▶ _Exercise details_: Copy every line of the data exactly, leaving nothing out.

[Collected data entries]
--- START ---
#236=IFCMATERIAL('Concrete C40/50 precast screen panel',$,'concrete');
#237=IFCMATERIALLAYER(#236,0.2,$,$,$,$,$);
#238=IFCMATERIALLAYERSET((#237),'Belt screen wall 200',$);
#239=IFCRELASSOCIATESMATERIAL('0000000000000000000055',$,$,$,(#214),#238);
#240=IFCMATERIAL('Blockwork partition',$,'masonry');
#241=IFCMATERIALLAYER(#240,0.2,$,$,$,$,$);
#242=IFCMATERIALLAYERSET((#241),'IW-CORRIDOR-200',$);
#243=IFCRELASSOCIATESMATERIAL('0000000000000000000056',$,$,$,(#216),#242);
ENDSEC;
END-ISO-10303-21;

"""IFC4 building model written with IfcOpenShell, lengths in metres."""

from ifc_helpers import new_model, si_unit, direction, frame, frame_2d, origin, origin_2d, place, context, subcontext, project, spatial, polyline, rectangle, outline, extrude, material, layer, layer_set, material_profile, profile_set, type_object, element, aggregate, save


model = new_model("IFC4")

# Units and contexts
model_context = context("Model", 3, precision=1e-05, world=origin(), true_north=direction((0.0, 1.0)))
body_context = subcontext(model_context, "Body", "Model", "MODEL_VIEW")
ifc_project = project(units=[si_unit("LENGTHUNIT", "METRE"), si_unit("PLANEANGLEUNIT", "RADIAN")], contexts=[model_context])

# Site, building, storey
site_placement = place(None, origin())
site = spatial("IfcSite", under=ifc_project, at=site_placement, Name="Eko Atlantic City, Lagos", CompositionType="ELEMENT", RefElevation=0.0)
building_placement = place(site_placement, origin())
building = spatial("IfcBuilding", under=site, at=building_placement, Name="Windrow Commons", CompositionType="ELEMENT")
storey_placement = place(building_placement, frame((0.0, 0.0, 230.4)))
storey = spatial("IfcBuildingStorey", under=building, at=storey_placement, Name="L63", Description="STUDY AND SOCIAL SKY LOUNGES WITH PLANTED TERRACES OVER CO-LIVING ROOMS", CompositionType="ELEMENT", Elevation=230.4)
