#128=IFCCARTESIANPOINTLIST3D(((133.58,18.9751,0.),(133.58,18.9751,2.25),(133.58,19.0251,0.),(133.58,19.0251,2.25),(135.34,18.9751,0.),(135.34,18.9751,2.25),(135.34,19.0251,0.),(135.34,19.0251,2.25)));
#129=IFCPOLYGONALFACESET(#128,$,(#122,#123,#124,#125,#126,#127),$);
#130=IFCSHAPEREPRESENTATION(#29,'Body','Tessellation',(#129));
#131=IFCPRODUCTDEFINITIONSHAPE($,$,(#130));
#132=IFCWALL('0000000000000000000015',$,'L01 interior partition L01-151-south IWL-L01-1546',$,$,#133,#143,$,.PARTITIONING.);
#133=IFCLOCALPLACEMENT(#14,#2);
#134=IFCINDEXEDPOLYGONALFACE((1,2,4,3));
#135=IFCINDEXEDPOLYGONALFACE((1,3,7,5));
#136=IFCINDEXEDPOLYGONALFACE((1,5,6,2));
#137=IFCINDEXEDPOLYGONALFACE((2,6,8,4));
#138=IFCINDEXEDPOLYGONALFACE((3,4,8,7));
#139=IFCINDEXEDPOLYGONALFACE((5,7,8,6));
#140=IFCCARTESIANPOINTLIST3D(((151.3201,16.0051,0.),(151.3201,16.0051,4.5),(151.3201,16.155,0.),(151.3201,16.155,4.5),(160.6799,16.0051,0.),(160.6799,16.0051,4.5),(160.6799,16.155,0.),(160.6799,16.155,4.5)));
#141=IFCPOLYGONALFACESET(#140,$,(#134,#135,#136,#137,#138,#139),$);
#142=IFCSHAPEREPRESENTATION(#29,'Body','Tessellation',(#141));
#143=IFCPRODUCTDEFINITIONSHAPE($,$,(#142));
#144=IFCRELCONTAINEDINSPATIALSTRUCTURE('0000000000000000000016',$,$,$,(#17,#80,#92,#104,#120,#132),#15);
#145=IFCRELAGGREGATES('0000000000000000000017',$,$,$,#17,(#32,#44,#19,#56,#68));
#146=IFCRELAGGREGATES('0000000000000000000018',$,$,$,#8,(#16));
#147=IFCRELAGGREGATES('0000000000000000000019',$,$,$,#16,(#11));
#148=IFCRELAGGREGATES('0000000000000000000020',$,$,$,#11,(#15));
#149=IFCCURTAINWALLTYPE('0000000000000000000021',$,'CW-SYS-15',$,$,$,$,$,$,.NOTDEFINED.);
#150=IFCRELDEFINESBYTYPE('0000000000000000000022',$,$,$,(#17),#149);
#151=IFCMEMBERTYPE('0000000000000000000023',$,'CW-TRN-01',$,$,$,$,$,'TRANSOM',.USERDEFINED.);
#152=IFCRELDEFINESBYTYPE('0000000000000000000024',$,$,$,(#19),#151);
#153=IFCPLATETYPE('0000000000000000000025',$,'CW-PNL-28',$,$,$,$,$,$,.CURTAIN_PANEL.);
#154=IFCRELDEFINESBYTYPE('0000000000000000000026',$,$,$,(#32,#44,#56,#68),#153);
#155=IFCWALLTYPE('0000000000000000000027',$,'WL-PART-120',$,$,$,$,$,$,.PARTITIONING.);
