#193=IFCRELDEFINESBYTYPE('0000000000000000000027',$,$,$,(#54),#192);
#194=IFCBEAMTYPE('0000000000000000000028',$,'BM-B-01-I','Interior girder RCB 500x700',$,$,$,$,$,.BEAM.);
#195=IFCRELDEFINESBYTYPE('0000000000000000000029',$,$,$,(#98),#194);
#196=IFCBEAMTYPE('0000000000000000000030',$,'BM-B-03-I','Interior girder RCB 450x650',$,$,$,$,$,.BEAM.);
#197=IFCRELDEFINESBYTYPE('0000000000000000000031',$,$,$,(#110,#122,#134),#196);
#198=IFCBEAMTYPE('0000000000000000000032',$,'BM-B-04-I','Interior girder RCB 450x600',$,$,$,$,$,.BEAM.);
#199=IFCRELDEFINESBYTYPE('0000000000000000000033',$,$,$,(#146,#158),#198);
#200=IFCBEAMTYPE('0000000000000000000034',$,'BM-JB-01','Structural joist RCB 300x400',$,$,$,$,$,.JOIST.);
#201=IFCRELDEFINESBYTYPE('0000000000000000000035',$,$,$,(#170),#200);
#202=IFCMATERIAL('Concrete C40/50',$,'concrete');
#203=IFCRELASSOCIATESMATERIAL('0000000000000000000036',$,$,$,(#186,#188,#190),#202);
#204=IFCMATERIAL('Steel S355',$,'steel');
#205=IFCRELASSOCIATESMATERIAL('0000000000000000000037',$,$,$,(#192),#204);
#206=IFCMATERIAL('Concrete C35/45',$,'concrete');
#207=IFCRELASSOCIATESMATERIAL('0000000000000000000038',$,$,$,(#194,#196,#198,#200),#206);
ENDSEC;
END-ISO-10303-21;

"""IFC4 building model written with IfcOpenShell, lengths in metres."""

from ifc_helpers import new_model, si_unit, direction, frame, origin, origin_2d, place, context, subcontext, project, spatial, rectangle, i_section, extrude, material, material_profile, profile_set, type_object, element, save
--- END ---
▶ _Answer to the problem_:
#236=IFCMATERIAL('Concrete C40/50 precast screen panel',$,'concrete');
#237=IFCMATERIALLAYER(#236,0.2,$,$,$,$,$);
#238=IFCMATERIALLAYERSET((#237),'Belt screen wall 200',$);
#239=IFCRELASSOCIATESMATERIAL('0000000000000000000055',$,$,$,(#214),#238);
#240=IFCMATERIAL('Blockwork partition',$,'masonry');
#241=IFCMATERIALLAYER(#240,0.2,$,$,$,$,$);
#242=IFCMATERIALLAYERSET((#241),'IW-CORRIDOR-200',$);
#243=IFCRELASSOCIATESMATERIAL('0000000000000000000056',$,$,$,(#216),#242);
ENDSEC;
END-ISO-10303-21;

"""IFC4 building model written with IfcOpenShell, lengths in metres."""

from ifc_helpers import new_model, si_unit, direction, frame, frame_2d, origin, origin_2d, place, context, subcontext, project, spatial, polyline, rectangle, outline, extrude, material, layer, layer_set, material_profile, profile_set, type_object, element, aggregate, save


model = new_model("IFC4")

# Units and contexts
model_context = context("Model", 3, precision=1e-05, world=origin(), true_north=direction((0.0, 1.0)))
body_context = subcontext(model_context, "Body", "Model", "MODEL_VIEW")
ifc_project = project(units=[si_unit("LENGTHUNIT", "METRE"), si_unit("PLANEANGLEUNIT", "RADIAN")], contexts=[model_context])

# Site, building, storey
site_placement = place(None, origin())
site = spatial("IfcSite", under=ifc_project, at=site_placement, Name="Eko Atlantic City, Lagos", CompositionType="ELEMENT", RefElevation=0.0)
building_placement = place(site_placement, origin())
building = spatial("IfcBuilding", under=site, at=building_placement, Name="Windrow Commons", CompositionType="ELEMENT")
storey_placement = place(building_placement, frame((0.0, 0.0, 230.4)))
storey = spatial("IfcBuildingStorey", under=building, at=storey_placement, Name="L63", Description="STUDY AND SOCIAL SKY LOUNGES WITH PLANTED TERRACES OVER CO-LIVING ROOMS", CompositionType="ELEMENT", Elevation=230.4)
#128=IFCCARTESIANPOINTLIST3D(((133.58,18.9751,0.),(133.58,18.9751,2.25),(133.58,19.0251,0.),(133.58,19.0251,2.25),(135.34,18.9751,0.),(135.34,18.9751,2.25),(135.34,19.0251,0.),(135.34,19.0251,2.25)));
#129=IFCPOLYGONALFACESET(#128,$,(#122,#123,#124,#125,#126,#127),$);
#130=IFCSHAPEREPRESENTATION(#29,'Body','Tessellation',(#129));
#131=IFCPRODUCTDEFINITIONSHAPE($,$,(#130));
#132=IFCWALL('0000000000000000000015',$,'L01 interior partition L01-151-south IWL-L01-1546',$,$,#133,#143,$,.PARTITIONING.);
#133=IFCLOCALPLACEMENT(#14,#2);
#134=IFCINDEXEDPOLYGONALFACE((1,2,4,3));
#135=IFCINDEXEDPOLYGONALFACE((1,3,7,5));
#136=IFCINDEXEDPOLYGONALFACE((1,5,6,2));
#137=IFCINDEXEDPOLYGONALFACE((2,6,8,4));
#138=IFCINDEXEDPOLYGONALFACE((3,4,8,7));
#139=IFCINDEXEDPOLYGONALFACE((5,7,8,6));
#140=IFCCARTESIANPOINTLIST3D(((151.3201,16.0051,0.),(151.3201,16.0051,4.5),(151.3201,16.155,0.),(151.3201,16.155,4.5),(160.6799,16.0051,0.),(160.6799,16.0051,4.5),(160.6799,16.155,0.),(160.6799,16.155,4.5)));
#141=IFCPOLYGONALFACESET(#140,$,(#134,#135,#136,#137,#138,#139),$);
#142=IFCSHAPEREPRESENTATION(#29,'Body','Tessellation',(#141));
#143=IFCPRODUCTDEFINITIONSHAPE($,$,(#142));
#144=IFCRELCONTAINEDINSPATIALSTRUCTURE('0000000000000000000016',$,$,$,(#17,#80,#92,#104,#120,#132),#15);
#145=IFCRELAGGREGATES('0000000000000000000017',$,$,$,#17,(#32,#44,#19,#56,#68));
#146=IFCRELAGGREGATES('0000000000000000000018',$,$,$,#8,(#16));
#147=IFCRELAGGREGATES('0000000000000000000019',$,$,$,#16,(#11));
#148=IFCRELAGGREGATES('0000000000000000000020',$,$,$,#11,(#15));
#149=IFCCURTAINWALLTYPE('0000000000000000000021',$,'CW-SYS-15',$,$,$,$,$,$,.NOTDEFINED.);
#150=IFCRELDEFINESBYTYPE('0000000000000000000022',$,$,$,(#17),#149);
#151=IFCMEMBERTYPE('0000000000000000000023',$,'CW-TRN-01',$,$,$,$,$,'TRANSOM',.USERDEFINED.);
#152=IFCRELDEFINESBYTYPE('0000000000000000000024',$,$,$,(#19),#151);
#153=IFCPLATETYPE('0000000000000000000025',$,'CW-PNL-28',$,$,$,$,$,$,.CURTAIN_PANEL.);
#154=IFCRELDEFINESBYTYPE('0000000000000000000026',$,$,$,(#32,#44,#56,#68),#153);
#155=IFCWALLTYPE('0000000000000000000027',$,'WL-PART-120',$,$,$,$,$,$,.PARTITIONING.);
#193=IFCRELDEFINESBYTYPE('0000000000000000000027',$,$,$,(#54),#192);
#194=IFCBEAMTYPE('0000000000000000000028',$,'BM-B-01-I','Interior girder RCB 500x700',$,$,$,$,$,.BEAM.);
#195=IFCRELDEFINESBYTYPE('0000000000000000000029',$,$,$,(#98),#194);
#196=IFCBEAMTYPE('0000000000000000000030',$,'BM-B-03-I','Interior girder RCB 450x650',$,$,$,$,$,.BEAM.);
#197=IFCRELDEFINESBYTYPE('0000000000000000000031',$,$,$,(#110,#122,#134),#196);
#198=IFCBEAMTYPE('0000000000000000000032',$,'BM-B-04-I','Interior girder RCB 450x600',$,$,$,$,$,.BEAM.);
#199=IFCRELDEFINESBYTYPE('0000000000000000000033',$,$,$,(#146,#158),#198);
#200=IFCBEAMTYPE('0000000000000000000034',$,'BM-JB-01','Structural joist RCB 300x400',$,$,$,$,$,.JOIST.);
#201=IFCRELDEFINESBYTYPE('0000000000000000000035',$,$,$,(#170),#200);
#202=IFCMATERIAL('Concrete C40/50',$,'concrete');
#203=IFCRELASSOCIATESMATERIAL('0000000000000000000036',$,$,$,(#186,#188,#190),#202);
#204=IFCMATERIAL('Steel S355',$,'steel');
#205=IFCRELASSOCIATESMATERIAL('0000000000000000000037',$,$,$,(#192),#204);
#206=IFCMATERIAL('Concrete C35/45',$,'concrete');
#207=IFCRELASSOCIATESMATERIAL('0000000000000000000038',$,$,$,(#194,#196,#198,#200),#206);
ENDSEC;
END-ISO-10303-21;

"""IFC4 building model written with IfcOpenShell, lengths in metres."""

from ifc_helpers import new_model, si_unit, direction, frame, origin, origin_2d, place, context, subcontext, project, spatial, rectangle, i_section, extrude, material, material_profile, profile_set, type_object, element, save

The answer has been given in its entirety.